[[ Data shown, beginning ]]

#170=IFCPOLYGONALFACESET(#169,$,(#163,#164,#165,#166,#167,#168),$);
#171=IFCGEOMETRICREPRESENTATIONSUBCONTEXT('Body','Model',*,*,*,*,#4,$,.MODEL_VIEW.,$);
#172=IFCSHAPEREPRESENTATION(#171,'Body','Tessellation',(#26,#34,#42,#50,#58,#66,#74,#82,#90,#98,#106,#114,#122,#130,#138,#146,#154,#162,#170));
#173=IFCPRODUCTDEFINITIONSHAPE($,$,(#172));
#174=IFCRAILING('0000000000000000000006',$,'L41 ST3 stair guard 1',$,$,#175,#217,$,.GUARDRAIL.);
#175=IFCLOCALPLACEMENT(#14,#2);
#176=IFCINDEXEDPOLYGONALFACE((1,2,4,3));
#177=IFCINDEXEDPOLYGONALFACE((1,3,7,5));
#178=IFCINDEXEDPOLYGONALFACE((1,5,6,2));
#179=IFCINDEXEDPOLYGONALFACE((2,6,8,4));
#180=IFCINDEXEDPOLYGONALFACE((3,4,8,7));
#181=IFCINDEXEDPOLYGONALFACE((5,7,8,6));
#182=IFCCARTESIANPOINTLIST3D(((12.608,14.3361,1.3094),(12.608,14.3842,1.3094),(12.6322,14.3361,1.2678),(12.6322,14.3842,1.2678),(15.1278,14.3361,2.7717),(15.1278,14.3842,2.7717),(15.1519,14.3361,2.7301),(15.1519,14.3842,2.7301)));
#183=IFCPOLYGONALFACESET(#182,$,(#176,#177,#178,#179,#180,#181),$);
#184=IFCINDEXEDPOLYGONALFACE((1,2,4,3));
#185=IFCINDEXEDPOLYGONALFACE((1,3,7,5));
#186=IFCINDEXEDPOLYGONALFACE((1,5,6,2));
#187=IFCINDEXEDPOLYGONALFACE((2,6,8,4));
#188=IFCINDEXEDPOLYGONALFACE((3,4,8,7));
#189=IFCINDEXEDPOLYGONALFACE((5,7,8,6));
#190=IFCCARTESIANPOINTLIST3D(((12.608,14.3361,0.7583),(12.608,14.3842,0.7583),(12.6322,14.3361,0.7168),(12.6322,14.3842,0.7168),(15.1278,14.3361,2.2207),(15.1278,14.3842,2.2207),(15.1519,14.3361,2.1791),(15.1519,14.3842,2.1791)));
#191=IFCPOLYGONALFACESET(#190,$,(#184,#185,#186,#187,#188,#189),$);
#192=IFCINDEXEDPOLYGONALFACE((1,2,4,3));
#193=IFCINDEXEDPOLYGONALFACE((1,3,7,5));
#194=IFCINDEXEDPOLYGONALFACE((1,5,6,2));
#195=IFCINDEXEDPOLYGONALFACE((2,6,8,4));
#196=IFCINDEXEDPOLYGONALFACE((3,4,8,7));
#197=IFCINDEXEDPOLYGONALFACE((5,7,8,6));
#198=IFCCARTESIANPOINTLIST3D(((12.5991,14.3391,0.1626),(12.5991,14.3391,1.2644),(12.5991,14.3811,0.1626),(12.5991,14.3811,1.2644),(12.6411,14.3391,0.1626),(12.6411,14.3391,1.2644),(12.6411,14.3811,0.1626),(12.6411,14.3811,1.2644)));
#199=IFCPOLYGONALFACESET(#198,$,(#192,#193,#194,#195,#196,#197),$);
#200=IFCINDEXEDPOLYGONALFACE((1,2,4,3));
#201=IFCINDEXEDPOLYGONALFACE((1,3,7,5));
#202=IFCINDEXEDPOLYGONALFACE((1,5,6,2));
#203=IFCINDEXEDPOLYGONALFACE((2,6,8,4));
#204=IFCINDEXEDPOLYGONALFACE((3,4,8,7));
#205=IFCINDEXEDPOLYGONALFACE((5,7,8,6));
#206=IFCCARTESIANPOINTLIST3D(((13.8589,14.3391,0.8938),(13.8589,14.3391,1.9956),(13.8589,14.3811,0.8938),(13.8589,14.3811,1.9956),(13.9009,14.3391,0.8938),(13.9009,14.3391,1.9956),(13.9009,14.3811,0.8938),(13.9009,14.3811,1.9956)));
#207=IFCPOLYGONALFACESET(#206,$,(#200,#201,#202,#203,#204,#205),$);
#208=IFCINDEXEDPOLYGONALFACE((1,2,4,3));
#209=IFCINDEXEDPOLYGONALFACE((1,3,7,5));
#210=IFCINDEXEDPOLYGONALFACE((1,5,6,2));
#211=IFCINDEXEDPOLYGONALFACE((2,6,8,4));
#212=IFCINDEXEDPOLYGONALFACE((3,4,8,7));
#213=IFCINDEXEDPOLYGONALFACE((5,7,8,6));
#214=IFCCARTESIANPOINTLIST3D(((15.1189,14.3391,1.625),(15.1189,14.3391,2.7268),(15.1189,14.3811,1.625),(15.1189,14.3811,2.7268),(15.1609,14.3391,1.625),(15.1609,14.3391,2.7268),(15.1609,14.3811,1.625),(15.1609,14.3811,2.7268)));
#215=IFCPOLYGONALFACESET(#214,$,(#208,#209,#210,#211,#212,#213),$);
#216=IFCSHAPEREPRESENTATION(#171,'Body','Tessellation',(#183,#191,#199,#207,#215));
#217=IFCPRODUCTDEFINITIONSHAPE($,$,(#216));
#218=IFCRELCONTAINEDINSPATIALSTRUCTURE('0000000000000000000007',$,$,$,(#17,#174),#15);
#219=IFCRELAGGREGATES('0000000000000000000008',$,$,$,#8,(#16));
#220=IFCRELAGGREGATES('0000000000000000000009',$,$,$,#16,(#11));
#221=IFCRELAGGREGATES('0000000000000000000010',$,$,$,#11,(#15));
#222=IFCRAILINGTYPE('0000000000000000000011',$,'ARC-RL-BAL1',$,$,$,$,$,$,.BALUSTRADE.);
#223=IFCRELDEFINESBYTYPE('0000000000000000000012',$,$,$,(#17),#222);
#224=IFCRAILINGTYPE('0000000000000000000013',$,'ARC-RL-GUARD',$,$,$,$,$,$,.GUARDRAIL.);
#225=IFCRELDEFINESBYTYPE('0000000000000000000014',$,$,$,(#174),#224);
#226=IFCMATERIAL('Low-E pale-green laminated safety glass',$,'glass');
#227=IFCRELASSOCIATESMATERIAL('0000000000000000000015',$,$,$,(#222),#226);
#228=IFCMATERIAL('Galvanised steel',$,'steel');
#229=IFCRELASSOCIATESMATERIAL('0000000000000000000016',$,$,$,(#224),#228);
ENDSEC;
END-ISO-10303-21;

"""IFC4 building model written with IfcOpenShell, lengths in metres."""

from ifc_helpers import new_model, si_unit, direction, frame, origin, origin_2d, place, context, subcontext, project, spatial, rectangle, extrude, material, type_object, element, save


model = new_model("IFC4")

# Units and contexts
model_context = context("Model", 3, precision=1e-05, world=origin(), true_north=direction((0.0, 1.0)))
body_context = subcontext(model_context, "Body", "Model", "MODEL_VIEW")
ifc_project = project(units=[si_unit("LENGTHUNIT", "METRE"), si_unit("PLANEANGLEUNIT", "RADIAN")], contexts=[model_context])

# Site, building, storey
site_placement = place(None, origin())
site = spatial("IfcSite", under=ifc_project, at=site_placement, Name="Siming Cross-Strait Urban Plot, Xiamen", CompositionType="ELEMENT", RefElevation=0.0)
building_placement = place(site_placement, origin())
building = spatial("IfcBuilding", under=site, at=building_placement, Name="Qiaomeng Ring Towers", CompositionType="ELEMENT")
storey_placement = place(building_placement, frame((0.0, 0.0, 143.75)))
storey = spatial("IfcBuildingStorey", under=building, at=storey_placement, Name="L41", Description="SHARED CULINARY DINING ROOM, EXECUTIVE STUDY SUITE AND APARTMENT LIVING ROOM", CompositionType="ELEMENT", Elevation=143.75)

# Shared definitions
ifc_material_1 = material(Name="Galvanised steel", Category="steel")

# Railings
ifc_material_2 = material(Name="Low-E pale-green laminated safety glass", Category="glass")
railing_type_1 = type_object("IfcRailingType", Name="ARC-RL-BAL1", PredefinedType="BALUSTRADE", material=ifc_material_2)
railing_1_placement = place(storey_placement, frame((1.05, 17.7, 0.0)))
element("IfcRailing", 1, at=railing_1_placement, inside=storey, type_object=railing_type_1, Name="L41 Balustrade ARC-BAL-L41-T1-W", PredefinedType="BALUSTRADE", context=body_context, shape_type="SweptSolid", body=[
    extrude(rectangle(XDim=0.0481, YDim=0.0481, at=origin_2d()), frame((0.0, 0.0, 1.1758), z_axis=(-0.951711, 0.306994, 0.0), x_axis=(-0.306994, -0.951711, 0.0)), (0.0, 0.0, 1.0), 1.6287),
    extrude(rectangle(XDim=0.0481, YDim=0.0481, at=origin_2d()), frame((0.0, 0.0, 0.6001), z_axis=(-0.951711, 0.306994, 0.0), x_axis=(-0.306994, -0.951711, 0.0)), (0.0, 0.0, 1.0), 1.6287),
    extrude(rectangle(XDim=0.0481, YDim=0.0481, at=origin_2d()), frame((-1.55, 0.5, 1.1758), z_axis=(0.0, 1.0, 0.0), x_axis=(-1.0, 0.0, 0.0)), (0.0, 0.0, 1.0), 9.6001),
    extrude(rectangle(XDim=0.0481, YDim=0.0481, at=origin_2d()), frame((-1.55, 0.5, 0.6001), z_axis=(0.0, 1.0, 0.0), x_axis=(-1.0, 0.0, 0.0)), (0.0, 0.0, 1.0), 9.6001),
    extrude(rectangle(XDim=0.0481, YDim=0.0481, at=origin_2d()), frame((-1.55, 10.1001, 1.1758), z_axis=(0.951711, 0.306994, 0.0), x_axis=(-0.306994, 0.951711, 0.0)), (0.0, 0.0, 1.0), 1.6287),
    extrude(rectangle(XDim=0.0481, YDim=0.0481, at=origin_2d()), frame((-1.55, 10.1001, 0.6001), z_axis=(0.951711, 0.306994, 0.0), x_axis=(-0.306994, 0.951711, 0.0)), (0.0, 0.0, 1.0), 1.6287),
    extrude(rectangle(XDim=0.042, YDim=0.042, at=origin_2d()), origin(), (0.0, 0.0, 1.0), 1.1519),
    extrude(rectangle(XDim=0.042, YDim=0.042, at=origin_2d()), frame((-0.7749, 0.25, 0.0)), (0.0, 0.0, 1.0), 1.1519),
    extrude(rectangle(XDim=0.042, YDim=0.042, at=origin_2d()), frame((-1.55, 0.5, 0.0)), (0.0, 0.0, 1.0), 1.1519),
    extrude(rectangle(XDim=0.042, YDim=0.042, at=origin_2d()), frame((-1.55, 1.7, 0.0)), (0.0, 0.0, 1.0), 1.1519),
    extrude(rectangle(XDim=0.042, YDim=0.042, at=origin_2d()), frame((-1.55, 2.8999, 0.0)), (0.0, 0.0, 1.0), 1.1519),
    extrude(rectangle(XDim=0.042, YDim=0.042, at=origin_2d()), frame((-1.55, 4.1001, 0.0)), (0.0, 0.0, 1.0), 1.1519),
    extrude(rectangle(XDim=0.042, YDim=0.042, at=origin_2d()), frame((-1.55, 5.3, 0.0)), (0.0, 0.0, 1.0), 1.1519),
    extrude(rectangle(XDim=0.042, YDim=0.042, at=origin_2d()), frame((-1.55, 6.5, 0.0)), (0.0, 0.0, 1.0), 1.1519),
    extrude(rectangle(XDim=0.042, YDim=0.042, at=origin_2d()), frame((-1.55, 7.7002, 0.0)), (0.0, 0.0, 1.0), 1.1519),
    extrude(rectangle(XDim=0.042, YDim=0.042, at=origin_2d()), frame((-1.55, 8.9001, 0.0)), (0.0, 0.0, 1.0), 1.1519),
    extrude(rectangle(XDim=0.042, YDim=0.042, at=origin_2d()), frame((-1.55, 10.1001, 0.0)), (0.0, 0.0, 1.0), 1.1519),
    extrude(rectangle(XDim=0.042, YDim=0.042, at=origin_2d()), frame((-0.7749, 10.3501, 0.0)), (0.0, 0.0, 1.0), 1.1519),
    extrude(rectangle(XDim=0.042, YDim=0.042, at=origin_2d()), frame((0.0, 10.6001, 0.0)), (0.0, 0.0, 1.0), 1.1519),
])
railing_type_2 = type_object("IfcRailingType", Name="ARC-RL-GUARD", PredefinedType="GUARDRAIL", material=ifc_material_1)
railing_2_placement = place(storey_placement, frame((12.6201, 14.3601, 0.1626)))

[[ Data shown, end ]]

The lines above starting at the one that contains "#221=IFCRELAGGREGATES('0000000000000000000010',$,$,$,#11,(#15));" and ending at the one that contains "#226=IFCMATERIAL('Low-E pale-green laminated" must be transcribed exactly, and no other lines may appear.

**The completed task:**
#221=IFCRELAGGREGATES('0000000000000000000010',$,$,$,#11,(#15));
#222=IFCRAILINGTYPE('0000000000000000000011',$,'ARC-RL-BAL1',$,$,$,$,$,$,.BALUSTRADE.);
#223=IFCRELDEFINESBYTYPE('0000000000000000000012',$,$,$,(#17),#222);
#224=IFCRAILINGTYPE('0000000000000000000013',$,'ARC-RL-GUARD',$,$,$,$,$,$,.GUARDRAIL.);
#225=IFCRELDEFINESBYTYPE('0000000000000000000014',$,$,$,(#174),#224);
#226=IFCMATERIAL('Low-E pale-green laminated safety glass',$,'glass');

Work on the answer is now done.